TASK DESCRIPTION
Return all lines in the data where the string "IFCPRODUCTDEFINITIONSHAPE" can be found.

%%

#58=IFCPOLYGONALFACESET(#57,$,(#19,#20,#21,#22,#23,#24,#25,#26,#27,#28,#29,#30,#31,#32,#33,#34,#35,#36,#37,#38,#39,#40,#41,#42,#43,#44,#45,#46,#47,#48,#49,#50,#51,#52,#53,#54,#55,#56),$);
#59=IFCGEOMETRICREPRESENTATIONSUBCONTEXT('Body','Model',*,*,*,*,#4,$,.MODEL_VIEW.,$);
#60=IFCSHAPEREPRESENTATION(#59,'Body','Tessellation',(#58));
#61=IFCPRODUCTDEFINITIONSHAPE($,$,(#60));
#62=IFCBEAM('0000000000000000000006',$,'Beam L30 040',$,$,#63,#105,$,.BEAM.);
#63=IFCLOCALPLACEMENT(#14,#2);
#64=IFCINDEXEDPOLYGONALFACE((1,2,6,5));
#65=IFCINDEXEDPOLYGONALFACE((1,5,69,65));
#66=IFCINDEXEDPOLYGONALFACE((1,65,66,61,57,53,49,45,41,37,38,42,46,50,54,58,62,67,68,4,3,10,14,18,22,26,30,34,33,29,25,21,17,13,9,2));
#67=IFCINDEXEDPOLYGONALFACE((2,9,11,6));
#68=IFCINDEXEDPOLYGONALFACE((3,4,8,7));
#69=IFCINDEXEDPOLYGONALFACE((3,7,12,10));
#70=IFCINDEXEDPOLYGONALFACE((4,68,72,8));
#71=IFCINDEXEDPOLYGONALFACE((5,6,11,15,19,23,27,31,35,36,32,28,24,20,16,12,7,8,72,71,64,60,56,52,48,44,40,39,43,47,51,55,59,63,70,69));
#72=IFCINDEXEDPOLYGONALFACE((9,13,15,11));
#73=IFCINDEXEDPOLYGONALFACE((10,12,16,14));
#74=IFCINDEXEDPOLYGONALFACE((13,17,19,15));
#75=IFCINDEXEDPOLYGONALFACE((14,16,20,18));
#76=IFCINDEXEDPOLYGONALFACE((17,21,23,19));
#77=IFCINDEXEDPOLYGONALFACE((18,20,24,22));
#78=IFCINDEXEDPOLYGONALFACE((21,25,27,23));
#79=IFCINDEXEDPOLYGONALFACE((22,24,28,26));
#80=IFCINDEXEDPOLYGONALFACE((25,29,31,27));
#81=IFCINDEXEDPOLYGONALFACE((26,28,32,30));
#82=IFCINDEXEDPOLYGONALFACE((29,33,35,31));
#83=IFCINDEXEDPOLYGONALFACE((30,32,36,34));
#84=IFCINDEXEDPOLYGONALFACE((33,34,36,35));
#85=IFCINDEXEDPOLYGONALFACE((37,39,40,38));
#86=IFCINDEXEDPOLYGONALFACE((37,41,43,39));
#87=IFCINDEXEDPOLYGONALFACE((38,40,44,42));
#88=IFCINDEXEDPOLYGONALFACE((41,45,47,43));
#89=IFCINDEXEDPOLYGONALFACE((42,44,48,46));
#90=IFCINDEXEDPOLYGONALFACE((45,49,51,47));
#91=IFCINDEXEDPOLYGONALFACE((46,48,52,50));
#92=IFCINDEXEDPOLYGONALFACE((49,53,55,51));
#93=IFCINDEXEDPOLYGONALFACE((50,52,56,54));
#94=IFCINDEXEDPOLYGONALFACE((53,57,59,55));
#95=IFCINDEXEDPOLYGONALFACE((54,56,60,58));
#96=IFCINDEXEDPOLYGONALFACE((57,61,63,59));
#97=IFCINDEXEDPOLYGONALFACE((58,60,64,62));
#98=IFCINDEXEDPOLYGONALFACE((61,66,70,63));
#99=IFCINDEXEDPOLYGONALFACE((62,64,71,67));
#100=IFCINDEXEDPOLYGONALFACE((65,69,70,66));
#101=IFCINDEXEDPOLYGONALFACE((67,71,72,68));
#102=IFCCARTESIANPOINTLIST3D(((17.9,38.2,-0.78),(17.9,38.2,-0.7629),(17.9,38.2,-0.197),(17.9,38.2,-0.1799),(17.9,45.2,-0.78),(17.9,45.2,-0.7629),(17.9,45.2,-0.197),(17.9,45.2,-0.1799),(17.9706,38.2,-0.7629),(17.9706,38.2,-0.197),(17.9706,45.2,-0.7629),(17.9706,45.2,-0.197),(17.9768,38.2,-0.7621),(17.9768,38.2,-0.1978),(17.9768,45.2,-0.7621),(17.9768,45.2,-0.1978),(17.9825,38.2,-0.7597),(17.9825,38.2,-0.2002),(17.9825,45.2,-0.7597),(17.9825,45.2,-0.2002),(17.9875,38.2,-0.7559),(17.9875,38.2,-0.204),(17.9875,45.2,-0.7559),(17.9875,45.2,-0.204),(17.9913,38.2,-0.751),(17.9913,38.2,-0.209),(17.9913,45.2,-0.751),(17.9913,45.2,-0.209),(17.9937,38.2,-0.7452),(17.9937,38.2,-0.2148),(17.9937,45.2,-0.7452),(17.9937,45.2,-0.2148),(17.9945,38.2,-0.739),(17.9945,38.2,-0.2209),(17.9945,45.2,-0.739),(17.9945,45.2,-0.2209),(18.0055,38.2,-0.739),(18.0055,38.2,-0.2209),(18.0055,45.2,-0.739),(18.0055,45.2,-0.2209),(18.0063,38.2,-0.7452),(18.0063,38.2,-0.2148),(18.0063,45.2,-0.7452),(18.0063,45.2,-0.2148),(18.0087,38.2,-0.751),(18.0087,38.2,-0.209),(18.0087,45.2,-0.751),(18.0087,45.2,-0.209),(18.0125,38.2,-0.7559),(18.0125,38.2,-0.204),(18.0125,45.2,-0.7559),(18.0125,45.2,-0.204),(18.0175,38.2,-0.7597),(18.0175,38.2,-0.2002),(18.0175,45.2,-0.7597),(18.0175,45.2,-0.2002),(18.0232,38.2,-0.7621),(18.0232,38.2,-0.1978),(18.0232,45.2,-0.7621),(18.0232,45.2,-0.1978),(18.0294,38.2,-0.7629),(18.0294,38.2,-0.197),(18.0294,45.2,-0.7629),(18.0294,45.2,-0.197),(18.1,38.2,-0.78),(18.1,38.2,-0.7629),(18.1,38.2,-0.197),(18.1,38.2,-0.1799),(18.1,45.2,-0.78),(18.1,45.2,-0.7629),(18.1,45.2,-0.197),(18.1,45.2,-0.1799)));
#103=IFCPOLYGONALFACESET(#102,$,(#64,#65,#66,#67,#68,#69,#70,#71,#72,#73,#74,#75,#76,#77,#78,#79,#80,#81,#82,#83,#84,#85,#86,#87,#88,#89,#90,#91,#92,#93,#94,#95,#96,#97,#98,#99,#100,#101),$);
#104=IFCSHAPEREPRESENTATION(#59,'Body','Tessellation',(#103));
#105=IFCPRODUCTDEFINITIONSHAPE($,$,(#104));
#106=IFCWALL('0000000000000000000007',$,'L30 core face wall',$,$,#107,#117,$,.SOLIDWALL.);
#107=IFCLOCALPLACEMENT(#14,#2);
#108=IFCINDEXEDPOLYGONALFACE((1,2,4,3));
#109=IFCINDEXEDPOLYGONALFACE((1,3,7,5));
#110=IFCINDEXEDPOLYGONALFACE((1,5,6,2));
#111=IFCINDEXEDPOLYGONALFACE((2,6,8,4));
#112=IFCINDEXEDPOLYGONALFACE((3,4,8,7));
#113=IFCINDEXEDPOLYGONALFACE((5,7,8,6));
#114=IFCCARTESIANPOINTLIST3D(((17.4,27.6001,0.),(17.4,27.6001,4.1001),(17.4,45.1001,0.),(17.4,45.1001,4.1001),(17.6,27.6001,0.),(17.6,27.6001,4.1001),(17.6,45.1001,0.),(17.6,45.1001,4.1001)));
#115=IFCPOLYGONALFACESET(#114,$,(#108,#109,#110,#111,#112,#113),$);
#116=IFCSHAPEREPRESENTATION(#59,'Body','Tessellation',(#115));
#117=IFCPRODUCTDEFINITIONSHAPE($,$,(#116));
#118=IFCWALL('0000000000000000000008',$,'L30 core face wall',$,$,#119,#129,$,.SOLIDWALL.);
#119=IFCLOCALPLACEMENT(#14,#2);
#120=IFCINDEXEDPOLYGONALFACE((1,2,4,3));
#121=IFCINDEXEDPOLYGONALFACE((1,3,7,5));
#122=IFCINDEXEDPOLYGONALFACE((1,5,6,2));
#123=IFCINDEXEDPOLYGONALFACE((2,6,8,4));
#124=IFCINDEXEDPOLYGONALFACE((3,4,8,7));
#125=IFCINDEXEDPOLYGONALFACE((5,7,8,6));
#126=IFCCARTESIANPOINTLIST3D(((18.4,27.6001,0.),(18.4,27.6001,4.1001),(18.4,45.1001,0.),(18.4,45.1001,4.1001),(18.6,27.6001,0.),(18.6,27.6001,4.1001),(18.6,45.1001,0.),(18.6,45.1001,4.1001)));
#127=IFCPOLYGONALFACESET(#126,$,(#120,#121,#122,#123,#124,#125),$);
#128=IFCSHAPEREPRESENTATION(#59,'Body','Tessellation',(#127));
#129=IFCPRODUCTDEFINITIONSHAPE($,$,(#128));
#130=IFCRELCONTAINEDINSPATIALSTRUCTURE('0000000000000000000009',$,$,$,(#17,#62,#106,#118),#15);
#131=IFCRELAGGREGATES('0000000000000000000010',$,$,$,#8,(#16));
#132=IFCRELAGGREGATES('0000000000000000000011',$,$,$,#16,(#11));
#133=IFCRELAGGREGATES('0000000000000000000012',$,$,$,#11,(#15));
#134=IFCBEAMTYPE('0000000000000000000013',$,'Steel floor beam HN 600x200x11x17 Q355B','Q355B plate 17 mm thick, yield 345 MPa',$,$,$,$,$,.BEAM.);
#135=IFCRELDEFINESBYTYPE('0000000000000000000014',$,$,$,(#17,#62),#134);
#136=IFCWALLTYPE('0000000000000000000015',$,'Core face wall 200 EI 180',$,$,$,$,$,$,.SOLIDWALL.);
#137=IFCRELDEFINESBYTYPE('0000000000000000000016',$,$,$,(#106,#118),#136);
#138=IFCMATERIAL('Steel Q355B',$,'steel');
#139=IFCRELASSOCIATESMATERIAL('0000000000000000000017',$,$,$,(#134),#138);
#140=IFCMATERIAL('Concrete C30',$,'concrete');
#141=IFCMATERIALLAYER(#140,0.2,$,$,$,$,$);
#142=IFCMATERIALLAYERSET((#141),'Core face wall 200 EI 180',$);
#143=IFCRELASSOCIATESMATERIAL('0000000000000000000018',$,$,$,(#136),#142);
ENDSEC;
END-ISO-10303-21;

%%

OUTPUT OF THE TASK
#61=IFCPRODUCTDEFINITIONSHAPE($,$,(#60));
#105=IFCPRODUCTDEFINITIONSHAPE($,$,(#104));
#117=IFCPRODUCTDEFINITIONSHAPE($,$,(#116));
#129=IFCPRODUCTDEFINITIONSHAPE($,$,(#128));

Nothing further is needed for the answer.